▶ **What you will do**
Copy exactly the lines of the records below, and only those lines, beginning with the line that contains "#23=IFCINDEXEDPOLYGONALFACE((3,4,8,7));" and ending with the line that contains "#37=IFCINDEXEDPOLYGONALFACE((5,7,8,6));".
++++++++++
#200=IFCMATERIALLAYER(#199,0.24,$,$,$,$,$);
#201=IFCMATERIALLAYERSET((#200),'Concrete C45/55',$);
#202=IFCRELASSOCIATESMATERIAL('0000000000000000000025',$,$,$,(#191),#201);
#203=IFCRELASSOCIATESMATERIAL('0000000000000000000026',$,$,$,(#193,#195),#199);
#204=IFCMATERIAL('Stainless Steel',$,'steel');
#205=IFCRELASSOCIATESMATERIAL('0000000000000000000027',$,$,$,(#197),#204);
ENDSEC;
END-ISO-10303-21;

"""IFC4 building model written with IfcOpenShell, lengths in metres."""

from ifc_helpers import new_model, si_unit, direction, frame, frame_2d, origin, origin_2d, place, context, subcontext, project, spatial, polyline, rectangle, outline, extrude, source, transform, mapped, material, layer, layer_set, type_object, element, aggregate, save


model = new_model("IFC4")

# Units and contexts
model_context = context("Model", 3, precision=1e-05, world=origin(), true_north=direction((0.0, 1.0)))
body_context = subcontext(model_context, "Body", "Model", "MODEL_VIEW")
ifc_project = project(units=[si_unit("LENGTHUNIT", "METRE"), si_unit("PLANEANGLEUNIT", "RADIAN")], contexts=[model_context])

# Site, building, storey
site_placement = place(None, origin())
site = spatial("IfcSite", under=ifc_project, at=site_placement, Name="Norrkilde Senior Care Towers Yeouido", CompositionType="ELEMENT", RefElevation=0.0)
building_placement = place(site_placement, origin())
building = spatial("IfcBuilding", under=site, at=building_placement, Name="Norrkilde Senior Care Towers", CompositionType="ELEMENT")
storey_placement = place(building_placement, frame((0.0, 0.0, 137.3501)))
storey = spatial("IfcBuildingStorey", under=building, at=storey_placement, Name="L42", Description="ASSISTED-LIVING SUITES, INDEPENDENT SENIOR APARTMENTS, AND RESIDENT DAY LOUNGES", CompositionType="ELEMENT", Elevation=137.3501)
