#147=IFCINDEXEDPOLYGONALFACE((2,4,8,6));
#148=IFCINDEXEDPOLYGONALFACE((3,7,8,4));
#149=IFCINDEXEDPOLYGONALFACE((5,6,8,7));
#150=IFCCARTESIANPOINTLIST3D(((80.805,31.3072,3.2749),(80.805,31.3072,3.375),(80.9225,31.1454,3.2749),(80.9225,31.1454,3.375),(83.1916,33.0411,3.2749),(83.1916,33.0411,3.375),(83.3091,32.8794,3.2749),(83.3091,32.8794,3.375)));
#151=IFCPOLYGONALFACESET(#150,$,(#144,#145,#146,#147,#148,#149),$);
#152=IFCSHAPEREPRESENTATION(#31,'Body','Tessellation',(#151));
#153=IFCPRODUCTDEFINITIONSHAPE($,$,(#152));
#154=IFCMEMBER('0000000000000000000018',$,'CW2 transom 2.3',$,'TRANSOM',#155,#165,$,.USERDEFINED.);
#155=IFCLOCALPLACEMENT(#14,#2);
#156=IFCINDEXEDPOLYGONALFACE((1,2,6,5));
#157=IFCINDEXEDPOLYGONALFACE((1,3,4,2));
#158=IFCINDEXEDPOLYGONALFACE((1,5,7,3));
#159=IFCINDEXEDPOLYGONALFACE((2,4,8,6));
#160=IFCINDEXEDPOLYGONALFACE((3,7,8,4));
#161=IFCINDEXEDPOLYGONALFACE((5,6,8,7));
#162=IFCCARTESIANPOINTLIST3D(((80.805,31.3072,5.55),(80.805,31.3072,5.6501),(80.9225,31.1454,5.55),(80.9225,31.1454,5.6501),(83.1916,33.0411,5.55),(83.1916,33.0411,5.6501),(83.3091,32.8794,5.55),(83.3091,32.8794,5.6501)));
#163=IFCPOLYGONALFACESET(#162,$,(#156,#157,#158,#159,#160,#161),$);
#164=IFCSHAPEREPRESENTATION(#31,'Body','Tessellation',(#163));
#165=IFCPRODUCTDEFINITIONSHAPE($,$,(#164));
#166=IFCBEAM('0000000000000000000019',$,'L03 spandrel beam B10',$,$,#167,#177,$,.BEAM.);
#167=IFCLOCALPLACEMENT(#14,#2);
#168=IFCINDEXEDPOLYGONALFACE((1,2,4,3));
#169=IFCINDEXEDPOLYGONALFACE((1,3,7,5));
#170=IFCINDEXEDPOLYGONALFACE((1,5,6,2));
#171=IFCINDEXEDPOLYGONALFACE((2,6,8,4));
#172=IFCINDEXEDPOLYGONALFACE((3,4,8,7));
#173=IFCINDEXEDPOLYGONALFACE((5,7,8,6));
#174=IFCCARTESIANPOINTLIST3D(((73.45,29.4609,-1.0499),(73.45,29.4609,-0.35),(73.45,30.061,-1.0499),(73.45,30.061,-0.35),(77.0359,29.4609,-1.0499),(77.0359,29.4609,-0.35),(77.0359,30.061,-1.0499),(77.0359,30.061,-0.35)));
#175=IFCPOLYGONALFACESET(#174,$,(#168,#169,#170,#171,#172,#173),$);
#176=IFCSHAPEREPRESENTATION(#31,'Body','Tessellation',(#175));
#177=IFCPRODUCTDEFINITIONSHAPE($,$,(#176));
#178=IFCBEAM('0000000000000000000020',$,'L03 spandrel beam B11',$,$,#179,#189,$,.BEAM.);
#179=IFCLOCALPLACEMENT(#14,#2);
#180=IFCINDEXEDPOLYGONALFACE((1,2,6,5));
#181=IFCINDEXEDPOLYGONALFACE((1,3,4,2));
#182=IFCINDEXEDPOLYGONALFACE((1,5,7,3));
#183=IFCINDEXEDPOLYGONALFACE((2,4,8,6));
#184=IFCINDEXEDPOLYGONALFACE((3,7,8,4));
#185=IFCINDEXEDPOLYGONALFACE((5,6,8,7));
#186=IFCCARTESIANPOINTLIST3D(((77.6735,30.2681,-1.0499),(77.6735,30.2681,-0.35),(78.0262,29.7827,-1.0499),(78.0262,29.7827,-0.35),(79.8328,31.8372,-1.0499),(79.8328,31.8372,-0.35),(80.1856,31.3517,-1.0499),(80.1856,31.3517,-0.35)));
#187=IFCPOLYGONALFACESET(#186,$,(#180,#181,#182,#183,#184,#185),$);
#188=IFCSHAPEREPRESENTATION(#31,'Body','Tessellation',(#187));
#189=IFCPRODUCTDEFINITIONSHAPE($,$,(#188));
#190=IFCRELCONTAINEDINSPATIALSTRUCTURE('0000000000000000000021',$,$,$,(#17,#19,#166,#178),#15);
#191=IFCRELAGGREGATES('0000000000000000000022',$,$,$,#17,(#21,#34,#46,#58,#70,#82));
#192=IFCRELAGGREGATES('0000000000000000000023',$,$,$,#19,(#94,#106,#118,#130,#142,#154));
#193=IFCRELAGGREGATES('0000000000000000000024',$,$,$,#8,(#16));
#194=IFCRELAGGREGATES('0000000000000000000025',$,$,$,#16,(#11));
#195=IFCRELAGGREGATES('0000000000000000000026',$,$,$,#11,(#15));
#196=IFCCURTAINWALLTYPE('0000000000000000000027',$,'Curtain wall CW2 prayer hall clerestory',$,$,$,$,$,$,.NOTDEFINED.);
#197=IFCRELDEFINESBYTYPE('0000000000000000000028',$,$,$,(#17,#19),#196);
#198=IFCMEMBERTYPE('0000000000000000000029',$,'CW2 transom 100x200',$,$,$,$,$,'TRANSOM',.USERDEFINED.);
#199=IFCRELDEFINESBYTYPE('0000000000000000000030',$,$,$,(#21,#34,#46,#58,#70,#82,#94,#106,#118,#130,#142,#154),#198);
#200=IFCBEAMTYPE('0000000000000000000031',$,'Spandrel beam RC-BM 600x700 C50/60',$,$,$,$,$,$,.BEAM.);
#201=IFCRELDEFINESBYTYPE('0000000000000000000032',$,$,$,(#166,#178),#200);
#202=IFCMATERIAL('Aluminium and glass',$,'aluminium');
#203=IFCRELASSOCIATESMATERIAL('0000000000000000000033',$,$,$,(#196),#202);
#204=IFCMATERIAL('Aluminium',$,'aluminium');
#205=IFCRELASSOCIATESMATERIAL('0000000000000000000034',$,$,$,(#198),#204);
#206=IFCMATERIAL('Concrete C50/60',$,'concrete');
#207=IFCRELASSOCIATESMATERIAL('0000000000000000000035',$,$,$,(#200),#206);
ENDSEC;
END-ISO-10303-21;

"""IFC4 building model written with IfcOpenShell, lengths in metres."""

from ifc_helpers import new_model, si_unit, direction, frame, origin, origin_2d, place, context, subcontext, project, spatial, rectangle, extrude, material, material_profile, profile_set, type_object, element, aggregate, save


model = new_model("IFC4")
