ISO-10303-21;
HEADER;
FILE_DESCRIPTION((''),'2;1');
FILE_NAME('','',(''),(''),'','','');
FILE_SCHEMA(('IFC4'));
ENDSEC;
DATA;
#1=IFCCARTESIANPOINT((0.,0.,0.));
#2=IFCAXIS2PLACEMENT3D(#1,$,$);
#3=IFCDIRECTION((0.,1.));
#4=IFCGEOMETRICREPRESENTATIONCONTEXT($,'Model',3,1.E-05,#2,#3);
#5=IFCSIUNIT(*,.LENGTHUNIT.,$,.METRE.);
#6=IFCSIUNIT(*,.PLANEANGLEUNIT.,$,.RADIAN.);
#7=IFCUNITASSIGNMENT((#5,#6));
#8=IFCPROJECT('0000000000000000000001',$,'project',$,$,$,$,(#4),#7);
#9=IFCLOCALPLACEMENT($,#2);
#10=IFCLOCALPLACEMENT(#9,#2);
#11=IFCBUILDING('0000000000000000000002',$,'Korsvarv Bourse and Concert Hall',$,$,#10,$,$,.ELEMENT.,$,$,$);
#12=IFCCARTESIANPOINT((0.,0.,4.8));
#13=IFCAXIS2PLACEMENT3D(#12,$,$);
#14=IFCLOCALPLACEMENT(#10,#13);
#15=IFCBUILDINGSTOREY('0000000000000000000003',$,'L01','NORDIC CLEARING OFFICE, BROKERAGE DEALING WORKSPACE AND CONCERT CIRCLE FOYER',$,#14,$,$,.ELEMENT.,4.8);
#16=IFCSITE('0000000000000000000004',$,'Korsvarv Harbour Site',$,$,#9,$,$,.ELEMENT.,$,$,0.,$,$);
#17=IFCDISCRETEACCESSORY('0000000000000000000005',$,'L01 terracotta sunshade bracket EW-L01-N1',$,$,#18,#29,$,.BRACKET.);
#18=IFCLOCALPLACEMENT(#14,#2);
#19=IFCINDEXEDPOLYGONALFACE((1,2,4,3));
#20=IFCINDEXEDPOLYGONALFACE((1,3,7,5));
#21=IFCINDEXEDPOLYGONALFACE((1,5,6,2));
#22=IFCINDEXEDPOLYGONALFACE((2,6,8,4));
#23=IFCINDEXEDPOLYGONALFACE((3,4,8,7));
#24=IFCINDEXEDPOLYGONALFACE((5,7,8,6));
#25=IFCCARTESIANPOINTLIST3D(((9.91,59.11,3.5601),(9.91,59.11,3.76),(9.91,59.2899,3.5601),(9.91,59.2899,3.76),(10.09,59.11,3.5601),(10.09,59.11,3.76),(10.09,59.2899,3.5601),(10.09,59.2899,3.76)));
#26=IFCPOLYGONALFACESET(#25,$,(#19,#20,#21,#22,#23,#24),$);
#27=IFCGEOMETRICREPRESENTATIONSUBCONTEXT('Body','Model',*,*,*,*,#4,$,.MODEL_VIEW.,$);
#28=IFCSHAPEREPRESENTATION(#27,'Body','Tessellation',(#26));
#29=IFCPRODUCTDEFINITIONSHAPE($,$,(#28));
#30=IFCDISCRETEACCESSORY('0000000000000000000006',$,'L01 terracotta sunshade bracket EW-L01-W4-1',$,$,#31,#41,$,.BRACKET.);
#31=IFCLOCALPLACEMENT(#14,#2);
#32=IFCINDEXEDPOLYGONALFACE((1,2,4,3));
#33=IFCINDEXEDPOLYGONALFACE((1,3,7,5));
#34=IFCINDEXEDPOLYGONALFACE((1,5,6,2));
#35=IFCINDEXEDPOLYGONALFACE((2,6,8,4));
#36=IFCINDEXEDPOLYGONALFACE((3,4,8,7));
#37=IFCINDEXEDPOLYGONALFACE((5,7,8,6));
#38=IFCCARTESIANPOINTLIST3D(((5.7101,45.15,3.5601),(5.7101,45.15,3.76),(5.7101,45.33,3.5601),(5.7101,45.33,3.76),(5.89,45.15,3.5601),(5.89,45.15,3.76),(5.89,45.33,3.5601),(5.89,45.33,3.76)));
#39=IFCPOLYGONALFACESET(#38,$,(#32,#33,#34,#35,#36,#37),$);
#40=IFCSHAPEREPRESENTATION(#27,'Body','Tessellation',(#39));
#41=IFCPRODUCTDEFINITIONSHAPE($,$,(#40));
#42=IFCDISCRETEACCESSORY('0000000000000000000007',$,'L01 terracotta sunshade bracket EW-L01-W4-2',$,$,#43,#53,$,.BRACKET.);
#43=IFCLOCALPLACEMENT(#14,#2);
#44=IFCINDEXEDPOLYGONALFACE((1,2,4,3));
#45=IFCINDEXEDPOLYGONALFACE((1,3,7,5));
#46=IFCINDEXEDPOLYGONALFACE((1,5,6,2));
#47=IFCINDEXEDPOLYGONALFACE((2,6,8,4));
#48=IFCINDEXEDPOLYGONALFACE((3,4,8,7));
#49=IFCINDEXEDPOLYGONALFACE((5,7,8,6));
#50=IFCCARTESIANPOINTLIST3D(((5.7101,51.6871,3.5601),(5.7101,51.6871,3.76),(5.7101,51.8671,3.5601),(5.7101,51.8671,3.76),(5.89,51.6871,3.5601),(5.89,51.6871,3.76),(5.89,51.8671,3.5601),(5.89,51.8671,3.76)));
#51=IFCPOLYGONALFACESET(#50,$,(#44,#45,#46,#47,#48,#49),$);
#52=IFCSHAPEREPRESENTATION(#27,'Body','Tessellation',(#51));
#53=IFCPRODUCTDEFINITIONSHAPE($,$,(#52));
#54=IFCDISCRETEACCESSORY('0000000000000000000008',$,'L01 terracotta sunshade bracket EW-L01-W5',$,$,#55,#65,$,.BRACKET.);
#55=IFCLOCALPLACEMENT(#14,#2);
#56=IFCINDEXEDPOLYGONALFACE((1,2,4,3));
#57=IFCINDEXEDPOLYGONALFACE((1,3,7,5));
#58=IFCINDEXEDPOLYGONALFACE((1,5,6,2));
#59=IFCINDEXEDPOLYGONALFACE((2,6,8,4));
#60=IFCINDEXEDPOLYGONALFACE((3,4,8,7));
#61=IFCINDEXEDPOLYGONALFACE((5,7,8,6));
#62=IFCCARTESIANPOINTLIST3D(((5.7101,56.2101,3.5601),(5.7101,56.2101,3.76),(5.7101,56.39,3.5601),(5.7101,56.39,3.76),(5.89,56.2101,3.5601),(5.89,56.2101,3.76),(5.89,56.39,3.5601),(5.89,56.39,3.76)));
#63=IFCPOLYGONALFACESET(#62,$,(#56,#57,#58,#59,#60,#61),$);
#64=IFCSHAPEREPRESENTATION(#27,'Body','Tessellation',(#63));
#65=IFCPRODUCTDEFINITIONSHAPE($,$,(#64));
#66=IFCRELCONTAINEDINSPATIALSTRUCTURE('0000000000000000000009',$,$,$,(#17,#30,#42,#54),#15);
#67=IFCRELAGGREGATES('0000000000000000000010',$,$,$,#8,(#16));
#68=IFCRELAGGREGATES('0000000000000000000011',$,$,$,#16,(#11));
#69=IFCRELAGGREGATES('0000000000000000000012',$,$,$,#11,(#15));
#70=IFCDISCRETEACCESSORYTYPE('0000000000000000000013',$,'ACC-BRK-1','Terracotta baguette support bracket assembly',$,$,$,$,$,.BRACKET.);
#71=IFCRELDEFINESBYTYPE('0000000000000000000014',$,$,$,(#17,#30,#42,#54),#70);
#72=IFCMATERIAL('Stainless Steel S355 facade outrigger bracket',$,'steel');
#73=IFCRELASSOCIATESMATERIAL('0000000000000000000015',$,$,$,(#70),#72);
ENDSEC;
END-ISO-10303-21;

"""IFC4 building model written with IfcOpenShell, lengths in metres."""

from ifc_helpers import new_model, si_unit, direction, frame, origin, origin_2d, place, context, subcontext, project, spatial, rectangle, extrude, source, transform, mapped, material, type_object, element, save


model = new_model("IFC4")

# Units and contexts
model_context = context("Model", 3, precision=1e-05, world=origin(), true_north=direction((0.0, 1.0)))
body_context = subcontext(model_context, "Body", "Model", "MODEL_VIEW")
ifc_project = project(units=[si_unit("LENGTHUNIT", "METRE"), si_unit("PLANEANGLEUNIT", "RADIAN")], contexts=[model_context])

# Site, building, storey
site_placement = place(None, origin())
site = spatial("IfcSite", under=ifc_project, at=site_placement, Name="Korsvarv Harbour Site", CompositionType="ELEMENT", RefElevation=0.0)
building_placement = place(site_placement, origin())
building = spatial("IfcBuilding", under=site, at=building_placement, Name="Korsvarv Bourse and Concert Hall", CompositionType="ELEMENT")
storey_placement = place(building_placement, frame((0.0, 0.0, 4.8)))
storey = spatial("IfcBuildingStorey", under=building, at=storey_placement, Name="L01", Description="NORDIC CLEARING OFFICE, BROKERAGE DEALING WORKSPACE AND CONCERT CIRCLE FOYER", CompositionType="ELEMENT", Elevation=4.8)

# Discrete accessories
ifc_material_1 = material(Name="Stainless Steel S355 facade outrigger bracket", Category="steel")
discrete_accessory_type = type_object("IfcDiscreteAccessoryType", Name="ACC-BRK-1", Description="Terracotta baguette support bracket assembly", PredefinedType="BRACKET", material=ifc_material_1)
shared_shape_1 = source(origin(), body_context, "Body", "SweptSolid", [
    extrude(rectangle(XDim=0.1799, YDim=0.1799, at=origin_2d()), origin(), (0.0, 0.0, 1.0), 0.2),
])
for number, where, z_axis, x_axis, name in (
    (1, (10.0, 59.2, 3.5601), (0.0, 0.0, 1.0), (1.0, 0.0, 0.0), "L01 terracotta sunshade bracket EW-L01-N1"),
    (2, (5.8, 45.24, 3.5601), (0.0, 0.0, 1.0), (0.0, 1.0, 0.0), "L01 terracotta sunshade bracket EW-L01-W4-1"),
    (3, (5.8, 51.7771, 3.5601), (0.0, 0.0, 1.0), (0.0, 1.0, 0.0), "L01 terracotta sunshade bracket EW-L01-W4-2"),
    (4, (5.8, 56.3, 3.5601), (0.0, 0.0, 1.0), (0.0, 1.0, 0.0), "L01 terracotta sunshade bracket EW-L01-W5"),
):
    element("IfcDiscreteAccessory", number, at=place(storey_placement, frame(where, z_axis=z_axis, x_axis=x_axis)), inside=storey, type_object=discrete_accessory_type, Name=name, PredefinedType="BRACKET", context=body_context, shape_type="MappedRepresentation", body=[
        mapped(shared_shape_1, transform((0.0, 0.0, 0.0), scale=1.0)),
    ])

save(model, "model.ifc")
++++++++++
▶ **Answer box**
#23=IFCINDEXEDPOLYGONALFACE((3,4,8,7));
#24=IFCINDEXEDPOLYGONALFACE((5,7,8,6));
#25=IFCCARTESIANPOINTLIST3D(((9.91,59.11,3.5601),(9.91,59.11,3.76),(9.91,59.2899,3.5601),(9.91,59.2899,3.76),(10.09,59.11,3.5601),(10.09,59.11,3.76),(10.09,59.2899,3.5601),(10.09,59.2899,3.76)));
#26=IFCPOLYGONALFACESET(#25,$,(#19,#20,#21,#22,#23,#24),$);
#27=IFCGEOMETRICREPRESENTATIONSUBCONTEXT('Body','Model',*,*,*,*,#4,$,.MODEL_VIEW.,$);
#28=IFCSHAPEREPRESENTATION(#27,'Body','Tessellation',(#26));
#29=IFCPRODUCTDEFINITIONSHAPE($,$,(#28));
#30=IFCDISCRETEACCESSORY('0000000000000000000006',$,'L01 terracotta sunshade bracket EW-L01-W4-1',$,$,#31,#41,$,.BRACKET.);
#31=IFCLOCALPLACEMENT(#14,#2);
#32=IFCINDEXEDPOLYGONALFACE((1,2,4,3));
#33=IFCINDEXEDPOLYGONALFACE((1,3,7,5));
#34=IFCINDEXEDPOLYGONALFACE((1,5,6,2));
#35=IFCINDEXEDPOLYGONALFACE((2,6,8,4));
#36=IFCINDEXEDPOLYGONALFACE((3,4,8,7));
#37=IFCINDEXEDPOLYGONALFACE((5,7,8,6));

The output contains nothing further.